Input material section start

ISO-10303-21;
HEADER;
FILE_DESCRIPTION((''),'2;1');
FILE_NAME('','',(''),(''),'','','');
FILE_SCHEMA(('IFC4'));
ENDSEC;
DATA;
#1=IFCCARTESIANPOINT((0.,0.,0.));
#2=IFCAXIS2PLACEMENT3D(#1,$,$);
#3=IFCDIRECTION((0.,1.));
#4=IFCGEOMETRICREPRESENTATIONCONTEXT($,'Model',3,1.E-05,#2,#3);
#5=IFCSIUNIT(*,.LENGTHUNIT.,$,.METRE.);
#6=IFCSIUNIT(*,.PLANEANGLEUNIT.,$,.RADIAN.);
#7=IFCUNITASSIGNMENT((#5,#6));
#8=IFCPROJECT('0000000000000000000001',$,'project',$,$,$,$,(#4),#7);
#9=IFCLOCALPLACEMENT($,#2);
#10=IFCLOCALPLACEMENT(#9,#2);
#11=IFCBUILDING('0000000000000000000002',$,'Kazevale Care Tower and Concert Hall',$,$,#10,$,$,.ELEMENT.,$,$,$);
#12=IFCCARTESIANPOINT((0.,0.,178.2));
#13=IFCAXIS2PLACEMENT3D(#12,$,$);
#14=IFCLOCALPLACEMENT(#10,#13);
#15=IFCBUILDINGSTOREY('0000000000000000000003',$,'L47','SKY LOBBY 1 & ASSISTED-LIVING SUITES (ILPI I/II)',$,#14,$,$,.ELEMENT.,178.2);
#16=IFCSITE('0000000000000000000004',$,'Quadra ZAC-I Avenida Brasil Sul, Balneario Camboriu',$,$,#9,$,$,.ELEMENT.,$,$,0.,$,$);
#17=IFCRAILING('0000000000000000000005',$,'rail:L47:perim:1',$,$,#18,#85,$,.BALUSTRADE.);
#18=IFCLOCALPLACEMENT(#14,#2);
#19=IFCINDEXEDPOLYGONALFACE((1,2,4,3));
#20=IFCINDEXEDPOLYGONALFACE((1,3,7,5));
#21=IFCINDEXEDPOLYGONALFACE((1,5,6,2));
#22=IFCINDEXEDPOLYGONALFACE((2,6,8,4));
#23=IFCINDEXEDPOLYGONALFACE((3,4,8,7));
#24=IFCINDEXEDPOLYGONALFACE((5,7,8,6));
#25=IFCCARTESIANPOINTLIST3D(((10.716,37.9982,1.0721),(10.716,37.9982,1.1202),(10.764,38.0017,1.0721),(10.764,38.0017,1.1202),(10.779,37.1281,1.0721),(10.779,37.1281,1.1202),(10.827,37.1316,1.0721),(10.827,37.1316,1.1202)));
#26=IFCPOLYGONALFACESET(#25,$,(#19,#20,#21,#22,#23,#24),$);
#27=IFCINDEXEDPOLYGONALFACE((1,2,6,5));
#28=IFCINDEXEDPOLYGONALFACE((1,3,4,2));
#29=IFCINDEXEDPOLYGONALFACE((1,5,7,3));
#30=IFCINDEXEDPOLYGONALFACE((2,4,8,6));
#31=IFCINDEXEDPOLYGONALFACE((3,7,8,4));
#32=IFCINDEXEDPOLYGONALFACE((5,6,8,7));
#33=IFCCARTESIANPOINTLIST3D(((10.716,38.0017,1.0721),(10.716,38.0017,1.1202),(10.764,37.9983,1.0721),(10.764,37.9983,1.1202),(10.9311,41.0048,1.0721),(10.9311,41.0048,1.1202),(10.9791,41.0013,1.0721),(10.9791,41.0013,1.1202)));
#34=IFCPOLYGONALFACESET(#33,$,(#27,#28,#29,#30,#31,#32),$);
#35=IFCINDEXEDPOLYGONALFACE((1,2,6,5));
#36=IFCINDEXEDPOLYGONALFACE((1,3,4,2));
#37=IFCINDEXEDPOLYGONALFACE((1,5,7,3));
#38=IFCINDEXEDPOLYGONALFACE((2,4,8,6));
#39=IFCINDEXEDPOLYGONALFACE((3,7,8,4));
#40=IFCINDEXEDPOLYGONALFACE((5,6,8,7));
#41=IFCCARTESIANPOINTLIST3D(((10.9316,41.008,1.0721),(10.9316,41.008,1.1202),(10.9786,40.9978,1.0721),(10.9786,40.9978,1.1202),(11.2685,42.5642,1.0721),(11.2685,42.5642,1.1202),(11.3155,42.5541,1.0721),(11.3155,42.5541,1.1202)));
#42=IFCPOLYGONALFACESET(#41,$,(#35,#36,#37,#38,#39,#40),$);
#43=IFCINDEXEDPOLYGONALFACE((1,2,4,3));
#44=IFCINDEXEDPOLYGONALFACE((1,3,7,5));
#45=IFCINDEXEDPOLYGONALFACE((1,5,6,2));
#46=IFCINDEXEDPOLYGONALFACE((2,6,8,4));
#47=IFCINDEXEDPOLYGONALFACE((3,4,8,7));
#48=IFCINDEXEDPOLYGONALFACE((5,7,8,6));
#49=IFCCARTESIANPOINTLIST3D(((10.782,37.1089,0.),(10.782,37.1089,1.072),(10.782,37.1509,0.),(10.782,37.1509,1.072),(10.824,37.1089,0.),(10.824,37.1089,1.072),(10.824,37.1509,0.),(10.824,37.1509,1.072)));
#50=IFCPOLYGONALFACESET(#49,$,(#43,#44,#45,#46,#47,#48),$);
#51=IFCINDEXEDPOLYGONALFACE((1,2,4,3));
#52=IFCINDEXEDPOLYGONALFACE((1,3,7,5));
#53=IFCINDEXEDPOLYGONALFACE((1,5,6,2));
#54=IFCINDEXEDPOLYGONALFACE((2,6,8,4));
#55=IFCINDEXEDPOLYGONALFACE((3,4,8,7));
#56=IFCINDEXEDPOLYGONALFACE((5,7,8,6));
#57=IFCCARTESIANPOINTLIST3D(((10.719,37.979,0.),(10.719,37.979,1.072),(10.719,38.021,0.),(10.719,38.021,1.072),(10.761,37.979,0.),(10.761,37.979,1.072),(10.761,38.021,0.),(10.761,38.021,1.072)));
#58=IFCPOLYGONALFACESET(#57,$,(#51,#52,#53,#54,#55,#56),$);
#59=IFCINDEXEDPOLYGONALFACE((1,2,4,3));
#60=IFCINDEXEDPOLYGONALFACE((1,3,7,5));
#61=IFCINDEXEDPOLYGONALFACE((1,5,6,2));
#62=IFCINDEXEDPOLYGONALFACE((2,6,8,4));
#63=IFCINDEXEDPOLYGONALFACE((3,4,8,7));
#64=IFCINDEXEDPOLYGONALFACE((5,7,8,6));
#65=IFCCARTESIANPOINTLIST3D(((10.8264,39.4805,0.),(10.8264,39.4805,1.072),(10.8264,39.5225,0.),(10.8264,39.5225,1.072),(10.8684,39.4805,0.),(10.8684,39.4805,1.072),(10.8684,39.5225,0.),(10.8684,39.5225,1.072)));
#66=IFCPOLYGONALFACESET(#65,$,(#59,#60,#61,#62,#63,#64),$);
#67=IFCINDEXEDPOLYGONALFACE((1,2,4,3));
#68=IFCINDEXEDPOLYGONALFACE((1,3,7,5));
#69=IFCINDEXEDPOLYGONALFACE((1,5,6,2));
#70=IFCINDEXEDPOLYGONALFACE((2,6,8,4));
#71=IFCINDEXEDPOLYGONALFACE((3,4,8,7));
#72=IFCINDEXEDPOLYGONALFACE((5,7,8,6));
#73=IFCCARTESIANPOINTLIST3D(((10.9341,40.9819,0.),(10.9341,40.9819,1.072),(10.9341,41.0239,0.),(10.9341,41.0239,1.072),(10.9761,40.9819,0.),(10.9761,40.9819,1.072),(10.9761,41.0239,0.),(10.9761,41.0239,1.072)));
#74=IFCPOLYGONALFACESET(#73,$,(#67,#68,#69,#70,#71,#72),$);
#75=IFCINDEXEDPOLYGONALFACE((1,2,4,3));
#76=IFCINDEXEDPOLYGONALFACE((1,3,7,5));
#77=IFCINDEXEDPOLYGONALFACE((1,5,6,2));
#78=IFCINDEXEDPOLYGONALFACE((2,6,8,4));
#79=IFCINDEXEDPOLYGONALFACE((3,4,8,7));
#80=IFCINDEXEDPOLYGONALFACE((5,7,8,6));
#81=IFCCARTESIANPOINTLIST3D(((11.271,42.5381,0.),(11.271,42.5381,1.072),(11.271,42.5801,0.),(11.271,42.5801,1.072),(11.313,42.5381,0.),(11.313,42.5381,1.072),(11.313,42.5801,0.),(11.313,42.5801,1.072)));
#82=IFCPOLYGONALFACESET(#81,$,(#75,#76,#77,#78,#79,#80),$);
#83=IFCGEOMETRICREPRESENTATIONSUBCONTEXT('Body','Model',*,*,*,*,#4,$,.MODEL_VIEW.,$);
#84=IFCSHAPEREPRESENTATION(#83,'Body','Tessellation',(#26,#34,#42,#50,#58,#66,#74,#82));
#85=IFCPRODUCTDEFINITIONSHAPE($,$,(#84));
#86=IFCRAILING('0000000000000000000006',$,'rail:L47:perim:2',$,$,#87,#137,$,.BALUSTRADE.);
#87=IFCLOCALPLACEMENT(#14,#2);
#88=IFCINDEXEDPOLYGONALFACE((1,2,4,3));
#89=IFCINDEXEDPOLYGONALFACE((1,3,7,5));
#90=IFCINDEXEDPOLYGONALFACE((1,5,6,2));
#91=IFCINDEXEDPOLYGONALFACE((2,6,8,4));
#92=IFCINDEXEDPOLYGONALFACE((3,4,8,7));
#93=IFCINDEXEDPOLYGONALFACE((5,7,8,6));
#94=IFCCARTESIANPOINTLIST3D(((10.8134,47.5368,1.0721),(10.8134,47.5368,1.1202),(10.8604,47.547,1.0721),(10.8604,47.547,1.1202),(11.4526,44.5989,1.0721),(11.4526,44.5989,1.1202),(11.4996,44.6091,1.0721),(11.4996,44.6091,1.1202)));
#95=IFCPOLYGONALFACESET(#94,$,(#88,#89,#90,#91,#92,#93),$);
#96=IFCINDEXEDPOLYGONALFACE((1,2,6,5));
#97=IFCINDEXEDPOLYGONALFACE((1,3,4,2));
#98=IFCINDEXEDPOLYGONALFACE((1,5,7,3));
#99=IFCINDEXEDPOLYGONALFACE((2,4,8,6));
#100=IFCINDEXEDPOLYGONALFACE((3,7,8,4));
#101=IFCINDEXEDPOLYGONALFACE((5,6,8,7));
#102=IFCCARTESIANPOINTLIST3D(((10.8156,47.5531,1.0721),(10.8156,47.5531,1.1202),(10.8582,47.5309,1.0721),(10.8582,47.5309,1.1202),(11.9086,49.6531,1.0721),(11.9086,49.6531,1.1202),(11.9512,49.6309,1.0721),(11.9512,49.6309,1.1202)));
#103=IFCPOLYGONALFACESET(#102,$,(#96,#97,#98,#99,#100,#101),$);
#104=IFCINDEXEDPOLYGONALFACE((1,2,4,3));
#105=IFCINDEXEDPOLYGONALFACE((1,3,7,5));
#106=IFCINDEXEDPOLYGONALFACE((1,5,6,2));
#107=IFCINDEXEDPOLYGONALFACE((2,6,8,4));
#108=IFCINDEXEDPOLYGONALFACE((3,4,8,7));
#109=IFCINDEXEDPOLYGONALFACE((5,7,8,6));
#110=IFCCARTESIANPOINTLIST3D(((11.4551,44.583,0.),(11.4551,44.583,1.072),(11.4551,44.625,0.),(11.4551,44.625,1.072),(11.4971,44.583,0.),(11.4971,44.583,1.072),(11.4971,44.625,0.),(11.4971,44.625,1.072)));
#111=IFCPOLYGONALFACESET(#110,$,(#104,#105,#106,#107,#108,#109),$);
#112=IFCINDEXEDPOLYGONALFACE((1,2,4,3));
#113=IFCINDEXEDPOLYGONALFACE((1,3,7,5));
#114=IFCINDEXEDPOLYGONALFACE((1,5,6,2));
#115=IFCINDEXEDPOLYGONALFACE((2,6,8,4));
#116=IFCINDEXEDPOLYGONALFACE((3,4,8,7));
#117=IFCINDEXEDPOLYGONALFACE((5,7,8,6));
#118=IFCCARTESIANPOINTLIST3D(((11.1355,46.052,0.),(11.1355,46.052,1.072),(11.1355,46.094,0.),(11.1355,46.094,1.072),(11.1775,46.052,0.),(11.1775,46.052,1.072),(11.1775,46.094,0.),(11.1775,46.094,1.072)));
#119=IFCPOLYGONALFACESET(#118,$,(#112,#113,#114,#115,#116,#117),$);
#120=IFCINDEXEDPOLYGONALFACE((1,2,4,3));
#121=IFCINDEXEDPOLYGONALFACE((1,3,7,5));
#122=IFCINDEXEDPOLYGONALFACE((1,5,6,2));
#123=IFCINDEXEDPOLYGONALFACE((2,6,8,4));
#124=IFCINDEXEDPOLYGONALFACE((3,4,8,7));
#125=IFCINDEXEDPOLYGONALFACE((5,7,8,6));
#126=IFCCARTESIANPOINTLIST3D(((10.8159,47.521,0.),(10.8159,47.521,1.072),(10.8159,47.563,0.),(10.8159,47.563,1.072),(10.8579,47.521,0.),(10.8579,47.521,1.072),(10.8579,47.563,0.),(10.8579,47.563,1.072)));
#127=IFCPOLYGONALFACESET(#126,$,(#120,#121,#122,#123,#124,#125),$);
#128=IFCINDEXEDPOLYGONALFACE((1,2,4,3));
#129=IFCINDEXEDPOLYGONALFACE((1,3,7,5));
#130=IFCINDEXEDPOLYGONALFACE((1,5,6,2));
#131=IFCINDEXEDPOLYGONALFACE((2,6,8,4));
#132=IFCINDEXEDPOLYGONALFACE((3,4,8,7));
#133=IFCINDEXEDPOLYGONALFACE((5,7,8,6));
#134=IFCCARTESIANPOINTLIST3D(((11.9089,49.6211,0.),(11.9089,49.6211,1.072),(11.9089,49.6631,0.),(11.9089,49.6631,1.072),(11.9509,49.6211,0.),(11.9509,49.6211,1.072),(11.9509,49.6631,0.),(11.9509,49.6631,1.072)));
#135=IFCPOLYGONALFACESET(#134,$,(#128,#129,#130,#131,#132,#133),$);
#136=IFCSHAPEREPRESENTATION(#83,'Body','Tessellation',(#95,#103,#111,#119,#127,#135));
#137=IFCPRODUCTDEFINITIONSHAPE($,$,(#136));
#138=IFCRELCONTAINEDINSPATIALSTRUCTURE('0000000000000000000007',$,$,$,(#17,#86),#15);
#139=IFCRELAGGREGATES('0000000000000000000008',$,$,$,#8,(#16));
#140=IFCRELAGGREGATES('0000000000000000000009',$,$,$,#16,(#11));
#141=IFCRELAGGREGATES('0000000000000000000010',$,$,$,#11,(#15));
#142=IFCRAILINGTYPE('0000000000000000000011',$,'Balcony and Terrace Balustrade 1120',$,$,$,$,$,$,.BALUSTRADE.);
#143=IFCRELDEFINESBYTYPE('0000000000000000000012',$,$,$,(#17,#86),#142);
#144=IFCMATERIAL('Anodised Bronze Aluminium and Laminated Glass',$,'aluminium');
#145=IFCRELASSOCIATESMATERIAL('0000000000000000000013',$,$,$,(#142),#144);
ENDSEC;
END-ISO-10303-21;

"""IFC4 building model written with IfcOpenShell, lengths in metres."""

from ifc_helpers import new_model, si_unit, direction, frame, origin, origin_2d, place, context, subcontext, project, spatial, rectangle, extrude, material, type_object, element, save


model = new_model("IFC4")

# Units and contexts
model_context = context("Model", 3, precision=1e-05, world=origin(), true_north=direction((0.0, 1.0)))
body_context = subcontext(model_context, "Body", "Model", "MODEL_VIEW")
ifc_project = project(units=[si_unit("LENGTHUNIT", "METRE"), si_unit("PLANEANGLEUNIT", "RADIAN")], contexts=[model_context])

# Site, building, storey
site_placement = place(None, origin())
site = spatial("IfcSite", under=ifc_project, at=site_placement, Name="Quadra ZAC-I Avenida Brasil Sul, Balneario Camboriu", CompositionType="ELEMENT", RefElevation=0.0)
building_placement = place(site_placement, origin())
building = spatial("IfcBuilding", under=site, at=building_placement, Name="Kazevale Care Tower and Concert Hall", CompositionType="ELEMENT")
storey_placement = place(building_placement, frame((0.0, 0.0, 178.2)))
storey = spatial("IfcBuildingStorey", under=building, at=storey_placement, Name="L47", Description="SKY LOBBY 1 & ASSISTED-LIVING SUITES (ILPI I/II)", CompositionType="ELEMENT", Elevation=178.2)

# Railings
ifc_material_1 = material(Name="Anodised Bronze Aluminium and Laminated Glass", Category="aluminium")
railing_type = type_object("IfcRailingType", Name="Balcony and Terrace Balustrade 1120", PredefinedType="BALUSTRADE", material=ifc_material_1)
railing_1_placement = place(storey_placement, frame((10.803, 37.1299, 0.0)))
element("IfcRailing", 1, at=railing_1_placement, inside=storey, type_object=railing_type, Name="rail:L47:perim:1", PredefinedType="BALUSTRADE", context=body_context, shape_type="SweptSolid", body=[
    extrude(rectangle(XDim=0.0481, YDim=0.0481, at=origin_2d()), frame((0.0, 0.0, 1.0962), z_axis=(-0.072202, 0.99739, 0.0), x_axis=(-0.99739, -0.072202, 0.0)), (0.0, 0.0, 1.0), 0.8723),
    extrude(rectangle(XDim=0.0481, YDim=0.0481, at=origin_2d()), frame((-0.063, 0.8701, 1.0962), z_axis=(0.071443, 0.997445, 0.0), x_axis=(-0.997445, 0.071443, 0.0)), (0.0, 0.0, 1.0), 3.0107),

Input material section end

Show all lines in the records above that hold "IFCSHAPEREPRESENTATION".

◆ Solution to the exercise:
#84=IFCSHAPEREPRESENTATION(#83,'Body','Tessellation',(#26,#34,#42,#50,#58,#66,#74,#82));
#136=IFCSHAPEREPRESENTATION(#83,'Body','Tessellation',(#95,#103,#111,#119,#127,#135));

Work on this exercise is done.